▶ **Work required**
Once you have read the entries, please say how many lines hold the string "IfcSite", giving the number only.

▶ **Entries provided**
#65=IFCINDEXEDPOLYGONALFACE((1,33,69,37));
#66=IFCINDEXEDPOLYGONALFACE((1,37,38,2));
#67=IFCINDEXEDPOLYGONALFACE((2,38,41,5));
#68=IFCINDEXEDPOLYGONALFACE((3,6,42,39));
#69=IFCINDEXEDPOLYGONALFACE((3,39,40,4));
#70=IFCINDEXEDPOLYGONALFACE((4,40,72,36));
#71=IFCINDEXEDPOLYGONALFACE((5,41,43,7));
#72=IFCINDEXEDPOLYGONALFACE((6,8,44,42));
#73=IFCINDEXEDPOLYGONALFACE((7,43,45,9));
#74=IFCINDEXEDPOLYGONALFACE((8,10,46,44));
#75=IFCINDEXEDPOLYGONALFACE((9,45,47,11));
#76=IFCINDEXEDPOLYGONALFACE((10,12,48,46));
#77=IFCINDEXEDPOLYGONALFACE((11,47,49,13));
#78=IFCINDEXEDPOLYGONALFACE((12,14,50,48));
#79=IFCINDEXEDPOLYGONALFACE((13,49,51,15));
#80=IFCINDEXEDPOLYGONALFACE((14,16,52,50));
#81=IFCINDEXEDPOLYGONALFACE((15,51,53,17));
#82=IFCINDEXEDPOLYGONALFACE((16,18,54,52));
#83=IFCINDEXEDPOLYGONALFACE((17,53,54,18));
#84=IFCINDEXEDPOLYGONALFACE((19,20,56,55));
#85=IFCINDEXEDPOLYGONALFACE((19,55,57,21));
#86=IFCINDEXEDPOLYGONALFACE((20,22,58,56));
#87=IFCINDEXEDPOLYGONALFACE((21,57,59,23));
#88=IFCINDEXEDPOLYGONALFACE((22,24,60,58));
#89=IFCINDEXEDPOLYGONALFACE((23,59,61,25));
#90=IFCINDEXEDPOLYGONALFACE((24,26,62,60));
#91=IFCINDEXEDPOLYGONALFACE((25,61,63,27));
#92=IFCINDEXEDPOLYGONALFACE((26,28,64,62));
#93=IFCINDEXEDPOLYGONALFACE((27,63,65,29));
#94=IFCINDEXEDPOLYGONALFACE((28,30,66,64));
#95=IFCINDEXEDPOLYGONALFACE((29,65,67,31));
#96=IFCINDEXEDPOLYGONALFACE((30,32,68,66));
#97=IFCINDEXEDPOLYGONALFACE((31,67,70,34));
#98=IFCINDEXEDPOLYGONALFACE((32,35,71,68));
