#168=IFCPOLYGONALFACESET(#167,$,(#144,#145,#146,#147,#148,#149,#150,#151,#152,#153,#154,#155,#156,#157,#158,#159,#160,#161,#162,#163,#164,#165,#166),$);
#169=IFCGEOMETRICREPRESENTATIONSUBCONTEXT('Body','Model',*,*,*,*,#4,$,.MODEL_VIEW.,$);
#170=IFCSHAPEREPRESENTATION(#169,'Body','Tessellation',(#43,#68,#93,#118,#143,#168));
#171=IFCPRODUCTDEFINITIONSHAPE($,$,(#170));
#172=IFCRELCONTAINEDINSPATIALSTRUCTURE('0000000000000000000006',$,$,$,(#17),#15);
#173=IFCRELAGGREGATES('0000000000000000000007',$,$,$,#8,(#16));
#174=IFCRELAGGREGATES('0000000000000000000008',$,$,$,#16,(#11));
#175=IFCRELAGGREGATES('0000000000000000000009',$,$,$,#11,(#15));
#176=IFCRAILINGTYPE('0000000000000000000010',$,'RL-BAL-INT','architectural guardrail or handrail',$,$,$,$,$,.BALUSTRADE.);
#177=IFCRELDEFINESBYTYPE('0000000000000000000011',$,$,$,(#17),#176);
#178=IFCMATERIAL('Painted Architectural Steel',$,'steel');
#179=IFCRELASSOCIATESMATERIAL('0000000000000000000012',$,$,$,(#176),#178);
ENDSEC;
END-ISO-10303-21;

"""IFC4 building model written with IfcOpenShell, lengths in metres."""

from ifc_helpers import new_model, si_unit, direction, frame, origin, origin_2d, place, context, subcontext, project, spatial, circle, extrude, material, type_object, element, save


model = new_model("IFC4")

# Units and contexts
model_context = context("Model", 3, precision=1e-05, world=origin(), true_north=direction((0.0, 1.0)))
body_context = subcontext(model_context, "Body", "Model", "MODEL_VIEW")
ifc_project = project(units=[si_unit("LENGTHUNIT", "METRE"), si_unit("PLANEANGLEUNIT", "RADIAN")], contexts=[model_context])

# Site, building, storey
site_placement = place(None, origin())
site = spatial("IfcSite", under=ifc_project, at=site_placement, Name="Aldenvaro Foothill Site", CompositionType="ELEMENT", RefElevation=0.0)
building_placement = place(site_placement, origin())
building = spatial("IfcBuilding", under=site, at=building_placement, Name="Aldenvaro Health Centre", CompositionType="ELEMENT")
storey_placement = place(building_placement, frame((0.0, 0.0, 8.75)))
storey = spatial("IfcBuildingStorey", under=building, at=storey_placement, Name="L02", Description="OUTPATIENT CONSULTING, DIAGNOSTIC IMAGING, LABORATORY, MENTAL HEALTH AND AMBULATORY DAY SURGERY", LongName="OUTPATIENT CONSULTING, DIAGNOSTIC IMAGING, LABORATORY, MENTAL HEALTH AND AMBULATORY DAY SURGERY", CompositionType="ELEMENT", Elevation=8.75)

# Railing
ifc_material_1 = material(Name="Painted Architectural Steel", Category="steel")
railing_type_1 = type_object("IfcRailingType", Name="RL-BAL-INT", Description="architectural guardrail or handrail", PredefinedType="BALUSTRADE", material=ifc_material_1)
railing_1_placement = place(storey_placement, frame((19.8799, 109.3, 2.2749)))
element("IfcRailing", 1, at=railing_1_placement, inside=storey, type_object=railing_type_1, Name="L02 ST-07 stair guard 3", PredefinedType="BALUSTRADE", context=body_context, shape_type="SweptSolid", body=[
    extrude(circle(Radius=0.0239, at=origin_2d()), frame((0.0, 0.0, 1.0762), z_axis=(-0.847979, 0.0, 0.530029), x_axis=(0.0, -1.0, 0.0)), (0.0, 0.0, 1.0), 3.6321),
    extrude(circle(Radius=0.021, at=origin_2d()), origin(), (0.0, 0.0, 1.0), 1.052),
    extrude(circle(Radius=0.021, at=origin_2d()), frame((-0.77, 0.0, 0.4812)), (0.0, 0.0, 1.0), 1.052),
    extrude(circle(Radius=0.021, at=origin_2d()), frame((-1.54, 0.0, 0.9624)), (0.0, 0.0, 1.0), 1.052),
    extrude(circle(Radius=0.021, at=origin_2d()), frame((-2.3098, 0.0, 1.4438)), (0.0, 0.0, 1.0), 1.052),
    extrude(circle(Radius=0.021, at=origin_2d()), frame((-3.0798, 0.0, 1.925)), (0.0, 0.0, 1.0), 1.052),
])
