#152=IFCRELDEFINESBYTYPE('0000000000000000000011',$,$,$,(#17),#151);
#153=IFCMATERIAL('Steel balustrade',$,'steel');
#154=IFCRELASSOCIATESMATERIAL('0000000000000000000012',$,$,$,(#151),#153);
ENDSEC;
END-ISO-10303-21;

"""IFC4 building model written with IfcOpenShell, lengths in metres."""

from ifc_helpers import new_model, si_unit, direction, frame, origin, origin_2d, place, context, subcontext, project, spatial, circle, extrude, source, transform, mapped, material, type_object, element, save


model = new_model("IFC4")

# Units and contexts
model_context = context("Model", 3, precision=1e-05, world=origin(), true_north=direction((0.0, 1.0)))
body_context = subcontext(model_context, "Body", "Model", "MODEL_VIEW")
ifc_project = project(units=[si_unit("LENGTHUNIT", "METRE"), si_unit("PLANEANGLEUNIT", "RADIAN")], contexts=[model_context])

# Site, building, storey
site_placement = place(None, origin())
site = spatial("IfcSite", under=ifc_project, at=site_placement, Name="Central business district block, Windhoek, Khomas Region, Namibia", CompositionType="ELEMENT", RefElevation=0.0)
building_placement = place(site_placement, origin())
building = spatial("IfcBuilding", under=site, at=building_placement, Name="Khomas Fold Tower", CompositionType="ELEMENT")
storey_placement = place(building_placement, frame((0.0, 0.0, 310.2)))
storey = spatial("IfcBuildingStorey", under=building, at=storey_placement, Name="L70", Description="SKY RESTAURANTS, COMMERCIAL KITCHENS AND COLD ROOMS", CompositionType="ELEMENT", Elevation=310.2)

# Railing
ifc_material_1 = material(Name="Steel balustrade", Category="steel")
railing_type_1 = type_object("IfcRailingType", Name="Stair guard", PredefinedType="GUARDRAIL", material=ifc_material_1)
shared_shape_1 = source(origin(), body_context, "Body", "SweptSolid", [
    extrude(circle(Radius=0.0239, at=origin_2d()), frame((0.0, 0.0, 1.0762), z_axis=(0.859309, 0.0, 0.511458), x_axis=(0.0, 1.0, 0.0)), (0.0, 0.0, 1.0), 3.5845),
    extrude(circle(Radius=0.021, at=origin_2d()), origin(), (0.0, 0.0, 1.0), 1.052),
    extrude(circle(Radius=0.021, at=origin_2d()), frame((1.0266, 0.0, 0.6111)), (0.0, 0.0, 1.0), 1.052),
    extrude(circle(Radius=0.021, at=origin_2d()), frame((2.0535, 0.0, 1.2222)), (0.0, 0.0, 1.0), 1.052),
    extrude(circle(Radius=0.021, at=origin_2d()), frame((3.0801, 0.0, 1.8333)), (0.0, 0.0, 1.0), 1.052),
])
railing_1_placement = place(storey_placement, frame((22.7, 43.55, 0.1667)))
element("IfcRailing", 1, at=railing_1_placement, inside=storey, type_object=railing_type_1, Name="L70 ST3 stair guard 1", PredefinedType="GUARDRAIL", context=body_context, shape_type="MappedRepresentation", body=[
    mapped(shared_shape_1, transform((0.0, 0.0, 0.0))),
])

▶ **Response for this exercise**
2